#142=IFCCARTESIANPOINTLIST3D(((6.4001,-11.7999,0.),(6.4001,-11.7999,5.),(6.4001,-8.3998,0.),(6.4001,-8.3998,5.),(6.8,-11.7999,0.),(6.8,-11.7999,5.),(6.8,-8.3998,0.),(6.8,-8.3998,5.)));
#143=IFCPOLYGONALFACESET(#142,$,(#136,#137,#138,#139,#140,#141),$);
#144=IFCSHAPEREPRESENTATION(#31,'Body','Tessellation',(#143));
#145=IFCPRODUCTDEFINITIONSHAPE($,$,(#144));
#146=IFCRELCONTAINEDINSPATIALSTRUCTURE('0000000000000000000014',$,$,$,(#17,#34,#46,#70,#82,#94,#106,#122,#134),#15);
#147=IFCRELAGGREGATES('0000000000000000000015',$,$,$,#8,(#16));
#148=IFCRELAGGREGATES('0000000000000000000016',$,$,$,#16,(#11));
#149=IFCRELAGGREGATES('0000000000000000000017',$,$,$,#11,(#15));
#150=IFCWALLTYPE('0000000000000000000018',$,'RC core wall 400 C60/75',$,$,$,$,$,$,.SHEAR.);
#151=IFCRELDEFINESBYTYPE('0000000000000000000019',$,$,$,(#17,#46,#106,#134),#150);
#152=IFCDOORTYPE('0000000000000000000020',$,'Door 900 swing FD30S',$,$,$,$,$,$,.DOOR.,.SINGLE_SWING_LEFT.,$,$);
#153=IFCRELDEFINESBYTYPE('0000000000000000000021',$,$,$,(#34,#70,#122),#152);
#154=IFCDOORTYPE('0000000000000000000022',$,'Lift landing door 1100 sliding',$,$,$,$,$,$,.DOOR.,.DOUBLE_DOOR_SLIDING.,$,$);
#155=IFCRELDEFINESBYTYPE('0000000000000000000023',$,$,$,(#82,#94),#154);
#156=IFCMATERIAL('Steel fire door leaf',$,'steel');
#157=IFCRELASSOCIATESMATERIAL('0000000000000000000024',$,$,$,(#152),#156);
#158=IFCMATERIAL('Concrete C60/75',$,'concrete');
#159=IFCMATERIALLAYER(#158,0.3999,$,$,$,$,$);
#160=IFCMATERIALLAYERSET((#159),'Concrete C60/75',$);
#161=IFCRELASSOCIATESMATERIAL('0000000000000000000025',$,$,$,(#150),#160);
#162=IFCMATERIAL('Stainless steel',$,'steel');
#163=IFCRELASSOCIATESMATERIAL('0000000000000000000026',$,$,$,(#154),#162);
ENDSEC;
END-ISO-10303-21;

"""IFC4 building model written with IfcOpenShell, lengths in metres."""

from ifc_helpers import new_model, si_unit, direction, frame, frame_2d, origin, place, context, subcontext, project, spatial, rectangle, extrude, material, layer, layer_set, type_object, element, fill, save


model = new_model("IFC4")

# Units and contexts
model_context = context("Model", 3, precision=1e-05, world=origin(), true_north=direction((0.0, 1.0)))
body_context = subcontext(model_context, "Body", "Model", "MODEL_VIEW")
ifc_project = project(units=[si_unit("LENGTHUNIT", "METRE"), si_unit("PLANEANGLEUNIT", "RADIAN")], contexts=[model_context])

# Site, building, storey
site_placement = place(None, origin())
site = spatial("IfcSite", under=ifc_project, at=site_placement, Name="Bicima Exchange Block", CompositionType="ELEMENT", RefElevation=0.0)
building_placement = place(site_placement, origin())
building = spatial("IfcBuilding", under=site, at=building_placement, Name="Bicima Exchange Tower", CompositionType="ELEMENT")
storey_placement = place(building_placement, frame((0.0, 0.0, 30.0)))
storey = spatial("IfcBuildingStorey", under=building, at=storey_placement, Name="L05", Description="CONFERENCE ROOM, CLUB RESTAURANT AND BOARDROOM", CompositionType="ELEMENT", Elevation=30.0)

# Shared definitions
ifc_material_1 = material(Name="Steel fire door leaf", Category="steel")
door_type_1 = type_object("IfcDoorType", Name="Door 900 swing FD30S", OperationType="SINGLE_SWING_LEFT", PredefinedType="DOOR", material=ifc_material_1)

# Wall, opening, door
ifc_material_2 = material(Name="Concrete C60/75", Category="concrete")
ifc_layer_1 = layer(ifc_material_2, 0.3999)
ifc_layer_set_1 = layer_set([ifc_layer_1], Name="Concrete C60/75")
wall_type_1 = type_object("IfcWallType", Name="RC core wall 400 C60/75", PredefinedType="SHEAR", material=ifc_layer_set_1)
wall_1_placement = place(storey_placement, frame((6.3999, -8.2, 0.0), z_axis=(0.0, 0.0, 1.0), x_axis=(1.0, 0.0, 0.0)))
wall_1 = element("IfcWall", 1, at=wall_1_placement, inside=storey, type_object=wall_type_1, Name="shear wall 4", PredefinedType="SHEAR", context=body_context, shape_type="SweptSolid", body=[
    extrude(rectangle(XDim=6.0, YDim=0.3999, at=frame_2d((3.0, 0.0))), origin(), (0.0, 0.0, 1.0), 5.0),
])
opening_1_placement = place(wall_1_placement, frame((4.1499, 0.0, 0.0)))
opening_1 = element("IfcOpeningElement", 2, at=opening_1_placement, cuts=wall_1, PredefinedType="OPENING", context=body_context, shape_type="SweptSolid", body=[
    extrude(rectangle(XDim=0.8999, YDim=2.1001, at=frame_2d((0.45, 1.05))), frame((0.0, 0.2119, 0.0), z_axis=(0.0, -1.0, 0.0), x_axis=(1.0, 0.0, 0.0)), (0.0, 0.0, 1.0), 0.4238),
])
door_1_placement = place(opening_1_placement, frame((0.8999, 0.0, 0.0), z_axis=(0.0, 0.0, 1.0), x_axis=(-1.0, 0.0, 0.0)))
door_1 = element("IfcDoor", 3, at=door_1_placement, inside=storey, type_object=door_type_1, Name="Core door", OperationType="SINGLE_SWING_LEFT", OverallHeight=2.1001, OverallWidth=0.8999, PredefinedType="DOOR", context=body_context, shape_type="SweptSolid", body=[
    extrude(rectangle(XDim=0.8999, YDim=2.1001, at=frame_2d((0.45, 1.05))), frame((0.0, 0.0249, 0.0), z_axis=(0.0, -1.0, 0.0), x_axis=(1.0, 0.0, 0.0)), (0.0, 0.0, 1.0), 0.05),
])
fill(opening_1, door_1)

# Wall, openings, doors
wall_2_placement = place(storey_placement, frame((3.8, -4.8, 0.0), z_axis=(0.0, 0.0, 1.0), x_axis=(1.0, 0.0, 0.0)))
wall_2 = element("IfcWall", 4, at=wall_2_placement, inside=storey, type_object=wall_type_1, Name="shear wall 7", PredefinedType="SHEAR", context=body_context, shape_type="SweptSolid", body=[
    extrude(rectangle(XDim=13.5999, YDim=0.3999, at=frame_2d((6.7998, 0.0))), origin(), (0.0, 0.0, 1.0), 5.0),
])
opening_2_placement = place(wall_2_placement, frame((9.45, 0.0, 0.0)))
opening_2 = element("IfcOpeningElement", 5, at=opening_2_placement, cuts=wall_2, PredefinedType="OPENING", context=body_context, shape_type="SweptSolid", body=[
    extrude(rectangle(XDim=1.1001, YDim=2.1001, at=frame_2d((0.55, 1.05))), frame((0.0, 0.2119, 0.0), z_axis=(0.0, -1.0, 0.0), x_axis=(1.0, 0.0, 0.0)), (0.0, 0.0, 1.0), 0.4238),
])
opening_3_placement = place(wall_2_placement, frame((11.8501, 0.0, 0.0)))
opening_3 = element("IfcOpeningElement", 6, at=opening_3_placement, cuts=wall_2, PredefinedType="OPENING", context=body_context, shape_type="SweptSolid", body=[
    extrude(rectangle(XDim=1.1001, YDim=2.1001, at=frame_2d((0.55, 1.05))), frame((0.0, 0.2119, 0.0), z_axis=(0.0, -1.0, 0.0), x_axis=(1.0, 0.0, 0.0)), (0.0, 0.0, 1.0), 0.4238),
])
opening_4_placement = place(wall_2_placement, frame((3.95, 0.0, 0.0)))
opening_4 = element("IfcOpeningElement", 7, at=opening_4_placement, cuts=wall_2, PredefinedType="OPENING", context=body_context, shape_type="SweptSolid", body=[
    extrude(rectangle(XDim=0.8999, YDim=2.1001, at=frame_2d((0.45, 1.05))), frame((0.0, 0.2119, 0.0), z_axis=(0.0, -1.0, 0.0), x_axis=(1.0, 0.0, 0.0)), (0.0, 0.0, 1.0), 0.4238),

- - -

*Work to complete*: List every line above that holds the word "CompositionType".

*Result of this exercise*:
site = spatial("IfcSite", under=ifc_project, at=site_placement, Name="Bicima Exchange Block", CompositionType="ELEMENT", RefElevation=0.0)
building = spatial("IfcBuilding", under=site, at=building_placement, Name="Bicima Exchange Tower", CompositionType="ELEMENT")
storey = spatial("IfcBuildingStorey", under=building, at=storey_placement, Name="L05", Description="CONFERENCE ROOM, CLUB RESTAURANT AND BOARDROOM", CompositionType="ELEMENT", Elevation=30.0)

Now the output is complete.